(Stored data entries)
* * * * * * *

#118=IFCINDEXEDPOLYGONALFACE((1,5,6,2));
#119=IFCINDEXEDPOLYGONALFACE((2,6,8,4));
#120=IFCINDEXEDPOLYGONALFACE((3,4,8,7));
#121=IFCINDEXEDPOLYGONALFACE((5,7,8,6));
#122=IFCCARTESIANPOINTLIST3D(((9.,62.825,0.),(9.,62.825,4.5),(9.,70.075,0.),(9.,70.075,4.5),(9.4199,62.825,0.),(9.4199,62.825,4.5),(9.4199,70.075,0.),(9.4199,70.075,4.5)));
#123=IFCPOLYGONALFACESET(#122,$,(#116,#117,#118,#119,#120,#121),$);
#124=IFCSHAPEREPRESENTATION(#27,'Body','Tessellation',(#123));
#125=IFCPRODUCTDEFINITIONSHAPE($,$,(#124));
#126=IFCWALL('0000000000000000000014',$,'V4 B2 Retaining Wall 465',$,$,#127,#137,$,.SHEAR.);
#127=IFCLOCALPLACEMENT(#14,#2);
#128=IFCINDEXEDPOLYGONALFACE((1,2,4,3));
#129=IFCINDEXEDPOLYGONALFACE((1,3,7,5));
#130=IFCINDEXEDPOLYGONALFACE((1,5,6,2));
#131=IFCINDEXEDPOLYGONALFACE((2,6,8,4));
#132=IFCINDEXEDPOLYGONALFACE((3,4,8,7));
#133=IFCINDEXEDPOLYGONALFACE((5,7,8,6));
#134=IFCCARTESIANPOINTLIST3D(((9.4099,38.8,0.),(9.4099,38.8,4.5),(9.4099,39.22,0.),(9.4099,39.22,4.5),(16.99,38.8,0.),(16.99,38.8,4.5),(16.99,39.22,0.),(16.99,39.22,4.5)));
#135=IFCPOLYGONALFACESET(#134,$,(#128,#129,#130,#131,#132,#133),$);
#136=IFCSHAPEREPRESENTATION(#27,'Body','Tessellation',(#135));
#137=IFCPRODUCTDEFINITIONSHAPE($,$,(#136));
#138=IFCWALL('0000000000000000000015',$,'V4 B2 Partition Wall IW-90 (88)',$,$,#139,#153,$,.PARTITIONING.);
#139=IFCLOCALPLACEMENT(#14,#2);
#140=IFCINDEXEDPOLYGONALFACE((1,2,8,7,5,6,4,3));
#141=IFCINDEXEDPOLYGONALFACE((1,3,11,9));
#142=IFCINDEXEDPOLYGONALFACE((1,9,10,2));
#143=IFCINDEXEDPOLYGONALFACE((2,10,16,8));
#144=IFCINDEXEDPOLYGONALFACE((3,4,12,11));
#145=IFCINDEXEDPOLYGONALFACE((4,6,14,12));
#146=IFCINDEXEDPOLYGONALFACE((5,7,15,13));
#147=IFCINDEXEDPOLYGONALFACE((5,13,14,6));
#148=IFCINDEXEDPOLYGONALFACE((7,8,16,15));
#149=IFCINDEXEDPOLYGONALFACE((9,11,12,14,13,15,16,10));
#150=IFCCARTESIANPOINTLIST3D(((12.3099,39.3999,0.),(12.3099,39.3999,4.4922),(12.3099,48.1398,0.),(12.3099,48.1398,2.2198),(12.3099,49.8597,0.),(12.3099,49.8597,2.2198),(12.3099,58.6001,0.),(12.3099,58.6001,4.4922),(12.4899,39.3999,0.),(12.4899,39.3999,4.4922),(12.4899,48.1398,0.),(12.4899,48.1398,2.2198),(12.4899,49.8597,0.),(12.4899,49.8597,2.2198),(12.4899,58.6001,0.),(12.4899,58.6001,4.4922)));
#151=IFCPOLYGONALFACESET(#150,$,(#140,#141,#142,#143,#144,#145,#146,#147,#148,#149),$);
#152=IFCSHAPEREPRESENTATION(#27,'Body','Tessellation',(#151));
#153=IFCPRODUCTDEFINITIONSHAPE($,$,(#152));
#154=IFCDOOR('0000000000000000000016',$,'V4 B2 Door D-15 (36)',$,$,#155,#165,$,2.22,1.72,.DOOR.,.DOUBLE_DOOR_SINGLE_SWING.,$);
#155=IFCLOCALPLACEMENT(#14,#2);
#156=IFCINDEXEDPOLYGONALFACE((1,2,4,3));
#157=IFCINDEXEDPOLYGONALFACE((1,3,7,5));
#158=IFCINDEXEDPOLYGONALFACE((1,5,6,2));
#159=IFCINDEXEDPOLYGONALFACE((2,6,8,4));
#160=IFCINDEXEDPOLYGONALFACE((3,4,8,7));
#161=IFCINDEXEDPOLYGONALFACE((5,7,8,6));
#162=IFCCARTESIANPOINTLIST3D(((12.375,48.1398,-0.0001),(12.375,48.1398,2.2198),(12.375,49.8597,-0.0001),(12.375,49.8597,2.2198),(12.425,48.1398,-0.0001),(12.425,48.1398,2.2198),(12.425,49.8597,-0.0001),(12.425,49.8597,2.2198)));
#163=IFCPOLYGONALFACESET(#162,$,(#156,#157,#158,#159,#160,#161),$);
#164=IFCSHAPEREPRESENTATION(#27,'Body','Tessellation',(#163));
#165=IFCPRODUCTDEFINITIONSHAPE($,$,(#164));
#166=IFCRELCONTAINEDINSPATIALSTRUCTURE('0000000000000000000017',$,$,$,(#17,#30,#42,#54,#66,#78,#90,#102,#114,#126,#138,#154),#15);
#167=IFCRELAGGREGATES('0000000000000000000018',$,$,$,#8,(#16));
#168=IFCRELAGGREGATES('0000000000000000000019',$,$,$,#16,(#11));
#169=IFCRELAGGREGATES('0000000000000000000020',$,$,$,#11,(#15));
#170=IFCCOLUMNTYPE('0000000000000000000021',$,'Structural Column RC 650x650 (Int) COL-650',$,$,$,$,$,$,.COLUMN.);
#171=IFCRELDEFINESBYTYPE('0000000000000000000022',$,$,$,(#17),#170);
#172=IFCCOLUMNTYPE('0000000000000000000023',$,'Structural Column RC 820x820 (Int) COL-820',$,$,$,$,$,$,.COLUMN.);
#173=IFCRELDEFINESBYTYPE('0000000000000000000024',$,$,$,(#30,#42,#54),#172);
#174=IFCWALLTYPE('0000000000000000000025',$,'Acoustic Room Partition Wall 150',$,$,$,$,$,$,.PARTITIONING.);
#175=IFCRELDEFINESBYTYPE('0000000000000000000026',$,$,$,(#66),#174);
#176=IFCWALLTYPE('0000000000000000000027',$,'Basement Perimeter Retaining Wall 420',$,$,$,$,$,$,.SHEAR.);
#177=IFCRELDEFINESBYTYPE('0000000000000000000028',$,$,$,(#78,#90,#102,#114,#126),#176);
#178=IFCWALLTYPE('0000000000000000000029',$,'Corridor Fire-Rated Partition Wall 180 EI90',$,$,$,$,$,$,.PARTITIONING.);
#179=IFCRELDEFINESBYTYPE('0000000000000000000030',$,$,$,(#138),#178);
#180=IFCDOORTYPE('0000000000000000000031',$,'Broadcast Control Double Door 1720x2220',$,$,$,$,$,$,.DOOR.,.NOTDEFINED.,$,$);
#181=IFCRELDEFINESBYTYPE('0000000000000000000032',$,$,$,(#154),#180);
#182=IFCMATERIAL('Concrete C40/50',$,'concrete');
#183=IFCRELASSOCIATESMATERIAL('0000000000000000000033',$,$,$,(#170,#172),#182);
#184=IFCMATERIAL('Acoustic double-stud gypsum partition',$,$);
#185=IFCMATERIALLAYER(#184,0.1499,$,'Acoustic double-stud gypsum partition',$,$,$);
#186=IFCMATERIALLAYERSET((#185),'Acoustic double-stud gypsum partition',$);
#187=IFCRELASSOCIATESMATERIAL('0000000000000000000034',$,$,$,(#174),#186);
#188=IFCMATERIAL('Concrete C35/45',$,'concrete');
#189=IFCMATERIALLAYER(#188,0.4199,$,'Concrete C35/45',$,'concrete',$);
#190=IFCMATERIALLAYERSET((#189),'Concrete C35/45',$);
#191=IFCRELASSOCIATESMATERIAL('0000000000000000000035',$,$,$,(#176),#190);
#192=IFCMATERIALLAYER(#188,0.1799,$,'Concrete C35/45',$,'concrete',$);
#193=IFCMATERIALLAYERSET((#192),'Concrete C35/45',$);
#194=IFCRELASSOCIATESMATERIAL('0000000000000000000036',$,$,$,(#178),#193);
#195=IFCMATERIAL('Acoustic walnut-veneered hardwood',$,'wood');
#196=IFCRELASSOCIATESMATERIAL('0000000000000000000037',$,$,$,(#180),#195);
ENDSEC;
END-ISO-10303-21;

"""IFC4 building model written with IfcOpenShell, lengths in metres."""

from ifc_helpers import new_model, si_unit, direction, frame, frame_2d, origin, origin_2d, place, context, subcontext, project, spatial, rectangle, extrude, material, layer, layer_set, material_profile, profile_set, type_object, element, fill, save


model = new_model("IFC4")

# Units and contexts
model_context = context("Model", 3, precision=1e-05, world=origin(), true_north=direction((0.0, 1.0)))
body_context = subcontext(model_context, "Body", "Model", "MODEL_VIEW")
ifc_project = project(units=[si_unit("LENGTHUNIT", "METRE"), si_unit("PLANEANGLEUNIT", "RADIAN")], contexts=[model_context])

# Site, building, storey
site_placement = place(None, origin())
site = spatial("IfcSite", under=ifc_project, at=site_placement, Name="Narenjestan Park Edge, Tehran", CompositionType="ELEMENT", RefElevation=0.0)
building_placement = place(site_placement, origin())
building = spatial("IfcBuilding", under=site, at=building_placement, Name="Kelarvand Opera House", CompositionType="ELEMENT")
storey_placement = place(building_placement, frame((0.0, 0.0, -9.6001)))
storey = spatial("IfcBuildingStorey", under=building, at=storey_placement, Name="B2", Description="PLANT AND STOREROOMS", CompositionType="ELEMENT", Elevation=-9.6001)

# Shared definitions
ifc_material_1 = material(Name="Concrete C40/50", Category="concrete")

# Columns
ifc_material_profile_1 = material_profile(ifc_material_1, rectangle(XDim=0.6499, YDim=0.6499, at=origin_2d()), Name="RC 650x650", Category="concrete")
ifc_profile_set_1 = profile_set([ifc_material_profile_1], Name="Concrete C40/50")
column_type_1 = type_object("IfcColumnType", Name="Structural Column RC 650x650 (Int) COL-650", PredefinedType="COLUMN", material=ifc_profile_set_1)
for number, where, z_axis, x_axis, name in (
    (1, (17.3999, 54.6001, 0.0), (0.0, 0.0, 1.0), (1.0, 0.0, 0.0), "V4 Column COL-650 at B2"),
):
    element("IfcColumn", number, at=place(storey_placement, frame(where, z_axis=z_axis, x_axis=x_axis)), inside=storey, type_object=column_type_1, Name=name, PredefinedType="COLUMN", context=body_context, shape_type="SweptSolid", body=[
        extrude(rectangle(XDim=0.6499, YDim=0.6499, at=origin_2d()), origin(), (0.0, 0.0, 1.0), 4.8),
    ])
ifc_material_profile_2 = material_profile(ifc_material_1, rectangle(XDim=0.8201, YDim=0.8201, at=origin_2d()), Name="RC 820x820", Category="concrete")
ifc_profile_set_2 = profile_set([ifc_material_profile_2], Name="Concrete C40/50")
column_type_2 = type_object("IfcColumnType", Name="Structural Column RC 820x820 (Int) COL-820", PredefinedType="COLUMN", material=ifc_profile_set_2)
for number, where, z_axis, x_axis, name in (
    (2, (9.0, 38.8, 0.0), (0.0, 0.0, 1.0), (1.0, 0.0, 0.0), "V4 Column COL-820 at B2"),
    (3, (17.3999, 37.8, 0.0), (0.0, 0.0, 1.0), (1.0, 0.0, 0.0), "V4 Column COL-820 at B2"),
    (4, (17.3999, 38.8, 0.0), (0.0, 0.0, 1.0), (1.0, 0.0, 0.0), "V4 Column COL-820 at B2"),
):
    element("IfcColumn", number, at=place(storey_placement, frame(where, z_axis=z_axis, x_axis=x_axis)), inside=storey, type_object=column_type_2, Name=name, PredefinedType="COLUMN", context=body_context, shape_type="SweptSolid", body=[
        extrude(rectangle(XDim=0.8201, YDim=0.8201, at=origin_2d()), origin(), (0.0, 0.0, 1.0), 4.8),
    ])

* * * * * * *

WORK ORDER: Once the line containing "#149=IFCINDEXEDPOLYGONALFACE((9,11,12,14,13,15,16,10));" has been written out, please stop; every line before it, back to the first line of the records above, should be given exactly.

SOLVED PROBLEM:
#118=IFCINDEXEDPOLYGONALFACE((1,5,6,2));
#119=IFCINDEXEDPOLYGONALFACE((2,6,8,4));
#120=IFCINDEXEDPOLYGONALFACE((3,4,8,7));
#121=IFCINDEXEDPOLYGONALFACE((5,7,8,6));
#122=IFCCARTESIANPOINTLIST3D(((9.,62.825,0.),(9.,62.825,4.5),(9.,70.075,0.),(9.,70.075,4.5),(9.4199,62.825,0.),(9.4199,62.825,4.5),(9.4199,70.075,0.),(9.4199,70.075,4.5)));
#123=IFCPOLYGONALFACESET(#122,$,(#116,#117,#118,#119,#120,#121),$);
#124=IFCSHAPEREPRESENTATION(#27,'Body','Tessellation',(#123));
#125=IFCPRODUCTDEFINITIONSHAPE($,$,(#124));
#126=IFCWALL('0000000000000000000014',$,'V4 B2 Retaining Wall 465',$,$,#127,#137,$,.SHEAR.);
#127=IFCLOCALPLACEMENT(#14,#2);
#128=IFCINDEXEDPOLYGONALFACE((1,2,4,3));
#129=IFCINDEXEDPOLYGONALFACE((1,3,7,5));
#130=IFCINDEXEDPOLYGONALFACE((1,5,6,2));
#131=IFCINDEXEDPOLYGONALFACE((2,6,8,4));
#132=IFCINDEXEDPOLYGONALFACE((3,4,8,7));
#133=IFCINDEXEDPOLYGONALFACE((5,7,8,6));
#134=IFCCARTESIANPOINTLIST3D(((9.4099,38.8,0.),(9.4099,38.8,4.5),(9.4099,39.22,0.),(9.4099,39.22,4.5),(16.99,38.8,0.),(16.99,38.8,4.5),(16.99,39.22,0.),(16.99,39.22,4.5)));
#135=IFCPOLYGONALFACESET(#134,$,(#128,#129,#130,#131,#132,#133),$);
#136=IFCSHAPEREPRESENTATION(#27,'Body','Tessellation',(#135));
#137=IFCPRODUCTDEFINITIONSHAPE($,$,(#136));
#138=IFCWALL('0000000000000000000015',$,'V4 B2 Partition Wall IW-90 (88)',$,$,#139,#153,$,.PARTITIONING.);
#139=IFCLOCALPLACEMENT(#14,#2);
#140=IFCINDEXEDPOLYGONALFACE((1,2,8,7,5,6,4,3));
#141=IFCINDEXEDPOLYGONALFACE((1,3,11,9));
#142=IFCINDEXEDPOLYGONALFACE((1,9,10,2));
#143=IFCINDEXEDPOLYGONALFACE((2,10,16,8));
#144=IFCINDEXEDPOLYGONALFACE((3,4,12,11));
#145=IFCINDEXEDPOLYGONALFACE((4,6,14,12));
#146=IFCINDEXEDPOLYGONALFACE((5,7,15,13));
#147=IFCINDEXEDPOLYGONALFACE((5,13,14,6));
#148=IFCINDEXEDPOLYGONALFACE((7,8,16,15));
#149=IFCINDEXEDPOLYGONALFACE((9,11,12,14,13,15,16,10));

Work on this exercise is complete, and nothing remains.